● INSTRUCTIONS FOR THE TASK
A complete copy of the entries, exactly as written, is the expected result.

● GIVEN RECORDS

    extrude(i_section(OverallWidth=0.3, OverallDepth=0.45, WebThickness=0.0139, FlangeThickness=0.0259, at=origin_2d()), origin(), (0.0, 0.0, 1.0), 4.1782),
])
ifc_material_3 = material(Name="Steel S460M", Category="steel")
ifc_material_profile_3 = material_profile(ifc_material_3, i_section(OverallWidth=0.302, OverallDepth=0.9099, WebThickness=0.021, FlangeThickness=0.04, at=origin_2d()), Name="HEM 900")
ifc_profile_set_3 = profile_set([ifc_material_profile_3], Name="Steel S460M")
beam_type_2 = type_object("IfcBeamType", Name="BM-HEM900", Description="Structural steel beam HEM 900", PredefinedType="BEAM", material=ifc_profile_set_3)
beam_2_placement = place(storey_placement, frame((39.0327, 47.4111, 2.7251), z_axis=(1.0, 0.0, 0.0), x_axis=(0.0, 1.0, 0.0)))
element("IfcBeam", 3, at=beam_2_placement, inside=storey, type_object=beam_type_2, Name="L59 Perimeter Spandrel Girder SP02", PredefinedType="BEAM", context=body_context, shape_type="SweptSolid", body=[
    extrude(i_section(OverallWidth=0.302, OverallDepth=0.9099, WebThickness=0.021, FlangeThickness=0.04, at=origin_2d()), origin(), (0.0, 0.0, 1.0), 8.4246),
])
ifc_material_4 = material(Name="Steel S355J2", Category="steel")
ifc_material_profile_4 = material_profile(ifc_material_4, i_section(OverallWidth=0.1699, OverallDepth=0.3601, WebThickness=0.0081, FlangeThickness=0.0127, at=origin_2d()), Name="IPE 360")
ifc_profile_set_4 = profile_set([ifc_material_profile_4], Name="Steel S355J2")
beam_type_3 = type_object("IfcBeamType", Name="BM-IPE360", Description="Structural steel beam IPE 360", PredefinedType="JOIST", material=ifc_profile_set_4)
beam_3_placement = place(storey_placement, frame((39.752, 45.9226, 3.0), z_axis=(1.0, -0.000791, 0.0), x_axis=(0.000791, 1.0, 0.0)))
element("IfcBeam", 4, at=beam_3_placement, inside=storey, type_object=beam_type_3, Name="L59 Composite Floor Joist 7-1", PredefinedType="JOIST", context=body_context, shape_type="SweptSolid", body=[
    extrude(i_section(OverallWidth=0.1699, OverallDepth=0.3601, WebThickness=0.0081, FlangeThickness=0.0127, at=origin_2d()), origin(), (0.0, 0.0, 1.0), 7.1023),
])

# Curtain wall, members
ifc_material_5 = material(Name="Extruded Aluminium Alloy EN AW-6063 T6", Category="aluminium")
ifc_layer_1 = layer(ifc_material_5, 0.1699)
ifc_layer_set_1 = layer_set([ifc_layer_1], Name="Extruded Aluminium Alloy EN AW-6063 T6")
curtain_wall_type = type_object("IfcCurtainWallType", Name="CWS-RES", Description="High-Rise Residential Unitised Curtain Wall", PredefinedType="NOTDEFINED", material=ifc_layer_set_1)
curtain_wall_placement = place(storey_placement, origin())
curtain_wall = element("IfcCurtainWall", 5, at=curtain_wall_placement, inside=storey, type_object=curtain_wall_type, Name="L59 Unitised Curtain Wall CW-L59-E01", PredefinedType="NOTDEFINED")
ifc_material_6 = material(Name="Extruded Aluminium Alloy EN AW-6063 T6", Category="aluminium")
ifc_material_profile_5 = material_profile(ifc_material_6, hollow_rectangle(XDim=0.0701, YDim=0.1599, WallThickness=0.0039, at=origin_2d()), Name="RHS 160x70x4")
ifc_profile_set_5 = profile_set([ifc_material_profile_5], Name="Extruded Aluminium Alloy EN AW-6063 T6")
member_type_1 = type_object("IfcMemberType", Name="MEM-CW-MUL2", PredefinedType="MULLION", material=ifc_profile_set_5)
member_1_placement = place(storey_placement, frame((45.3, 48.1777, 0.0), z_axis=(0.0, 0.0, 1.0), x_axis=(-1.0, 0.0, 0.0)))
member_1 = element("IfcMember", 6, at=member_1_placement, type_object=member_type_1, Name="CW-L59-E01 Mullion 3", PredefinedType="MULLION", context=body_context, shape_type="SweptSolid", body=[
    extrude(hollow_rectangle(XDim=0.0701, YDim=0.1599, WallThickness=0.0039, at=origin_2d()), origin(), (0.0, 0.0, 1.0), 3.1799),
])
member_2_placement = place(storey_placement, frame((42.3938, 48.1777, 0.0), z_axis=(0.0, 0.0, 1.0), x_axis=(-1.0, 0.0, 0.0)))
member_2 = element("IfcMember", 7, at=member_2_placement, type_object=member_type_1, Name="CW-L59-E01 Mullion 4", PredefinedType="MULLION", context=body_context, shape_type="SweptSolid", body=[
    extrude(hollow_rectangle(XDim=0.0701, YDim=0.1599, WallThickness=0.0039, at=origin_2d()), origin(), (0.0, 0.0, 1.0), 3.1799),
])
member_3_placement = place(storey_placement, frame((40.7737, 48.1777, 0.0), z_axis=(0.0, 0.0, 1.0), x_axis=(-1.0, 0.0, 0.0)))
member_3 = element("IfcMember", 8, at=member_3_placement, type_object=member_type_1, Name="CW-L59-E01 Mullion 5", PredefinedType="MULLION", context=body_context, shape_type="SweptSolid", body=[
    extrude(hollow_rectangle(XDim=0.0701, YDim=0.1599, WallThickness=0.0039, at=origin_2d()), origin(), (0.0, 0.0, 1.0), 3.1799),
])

● COMPLETED EXERCISE
    extrude(i_section(OverallWidth=0.3, OverallDepth=0.45, WebThickness=0.0139, FlangeThickness=0.0259, at=origin_2d()), origin(), (0.0, 0.0, 1.0), 4.1782),
])
ifc_material_3 = material(Name="Steel S460M", Category="steel")
ifc_material_profile_3 = material_profile(ifc_material_3, i_section(OverallWidth=0.302, OverallDepth=0.9099, WebThickness=0.021, FlangeThickness=0.04, at=origin_2d()), Name="HEM 900")
ifc_profile_set_3 = profile_set([ifc_material_profile_3], Name="Steel S460M")
beam_type_2 = type_object("IfcBeamType", Name="BM-HEM900", Description="Structural steel beam HEM 900", PredefinedType="BEAM", material=ifc_profile_set_3)
beam_2_placement = place(storey_placement, frame((39.0327, 47.4111, 2.7251), z_axis=(1.0, 0.0, 0.0), x_axis=(0.0, 1.0, 0.0)))
element("IfcBeam", 3, at=beam_2_placement, inside=storey, type_object=beam_type_2, Name="L59 Perimeter Spandrel Girder SP02", PredefinedType="BEAM", context=body_context, shape_type="SweptSolid", body=[
    extrude(i_section(OverallWidth=0.302, OverallDepth=0.9099, WebThickness=0.021, FlangeThickness=0.04, at=origin_2d()), origin(), (0.0, 0.0, 1.0), 8.4246),
])
ifc_material_4 = material(Name="Steel S355J2", Category="steel")
ifc_material_profile_4 = material_profile(ifc_material_4, i_section(OverallWidth=0.1699, OverallDepth=0.3601, WebThickness=0.0081, FlangeThickness=0.0127, at=origin_2d()), Name="IPE 360")
ifc_profile_set_4 = profile_set([ifc_material_profile_4], Name="Steel S355J2")
beam_type_3 = type_object("IfcBeamType", Name="BM-IPE360", Description="Structural steel beam IPE 360", PredefinedType="JOIST", material=ifc_profile_set_4)
beam_3_placement = place(storey_placement, frame((39.752, 45.9226, 3.0), z_axis=(1.0, -0.000791, 0.0), x_axis=(0.000791, 1.0, 0.0)))
element("IfcBeam", 4, at=beam_3_placement, inside=storey, type_object=beam_type_3, Name="L59 Composite Floor Joist 7-1", PredefinedType="JOIST", context=body_context, shape_type="SweptSolid", body=[
    extrude(i_section(OverallWidth=0.1699, OverallDepth=0.3601, WebThickness=0.0081, FlangeThickness=0.0127, at=origin_2d()), origin(), (0.0, 0.0, 1.0), 7.1023),
])

# Curtain wall, members
ifc_material_5 = material(Name="Extruded Aluminium Alloy EN AW-6063 T6", Category="aluminium")
ifc_layer_1 = layer(ifc_material_5, 0.1699)
ifc_layer_set_1 = layer_set([ifc_layer_1], Name="Extruded Aluminium Alloy EN AW-6063 T6")
curtain_wall_type = type_object("IfcCurtainWallType", Name="CWS-RES", Description="High-Rise Residential Unitised Curtain Wall", PredefinedType="NOTDEFINED", material=ifc_layer_set_1)
curtain_wall_placement = place(storey_placement, origin())
curtain_wall = element("IfcCurtainWall", 5, at=curtain_wall_placement, inside=storey, type_object=curtain_wall_type, Name="L59 Unitised Curtain Wall CW-L59-E01", PredefinedType="NOTDEFINED")
ifc_material_6 = material(Name="Extruded Aluminium Alloy EN AW-6063 T6", Category="aluminium")
ifc_material_profile_5 = material_profile(ifc_material_6, hollow_rectangle(XDim=0.0701, YDim=0.1599, WallThickness=0.0039, at=origin_2d()), Name="RHS 160x70x4")
ifc_profile_set_5 = profile_set([ifc_material_profile_5], Name="Extruded Aluminium Alloy EN AW-6063 T6")
member_type_1 = type_object("IfcMemberType", Name="MEM-CW-MUL2", PredefinedType="MULLION", material=ifc_profile_set_5)
member_1_placement = place(storey_placement, frame((45.3, 48.1777, 0.0), z_axis=(0.0, 0.0, 1.0), x_axis=(-1.0, 0.0, 0.0)))
member_1 = element("IfcMember", 6, at=member_1_placement, type_object=member_type_1, Name="CW-L59-E01 Mullion 3", PredefinedType="MULLION", context=body_context, shape_type="SweptSolid", body=[
    extrude(hollow_rectangle(XDim=0.0701, YDim=0.1599, WallThickness=0.0039, at=origin_2d()), origin(), (0.0, 0.0, 1.0), 3.1799),
])
member_2_placement = place(storey_placement, frame((42.3938, 48.1777, 0.0), z_axis=(0.0, 0.0, 1.0), x_axis=(-1.0, 0.0, 0.0)))
member_2 = element("IfcMember", 7, at=member_2_placement, type_object=member_type_1, Name="CW-L59-E01 Mullion 4", PredefinedType="MULLION", context=body_context, shape_type="SweptSolid", body=[
    extrude(hollow_rectangle(XDim=0.0701, YDim=0.1599, WallThickness=0.0039, at=origin_2d()), origin(), (0.0, 0.0, 1.0), 3.1799),
])
member_3_placement = place(storey_placement, frame((40.7737, 48.1777, 0.0), z_axis=(0.0, 0.0, 1.0), x_axis=(-1.0, 0.0, 0.0)))
member_3 = element("IfcMember", 8, at=member_3_placement, type_object=member_type_1, Name="CW-L59-E01 Mullion 5", PredefinedType="MULLION", context=body_context, shape_type="SweptSolid", body=[
    extrude(hollow_rectangle(XDim=0.0701, YDim=0.1599, WallThickness=0.0039, at=origin_2d()), origin(), (0.0, 0.0, 1.0), 3.1799),
])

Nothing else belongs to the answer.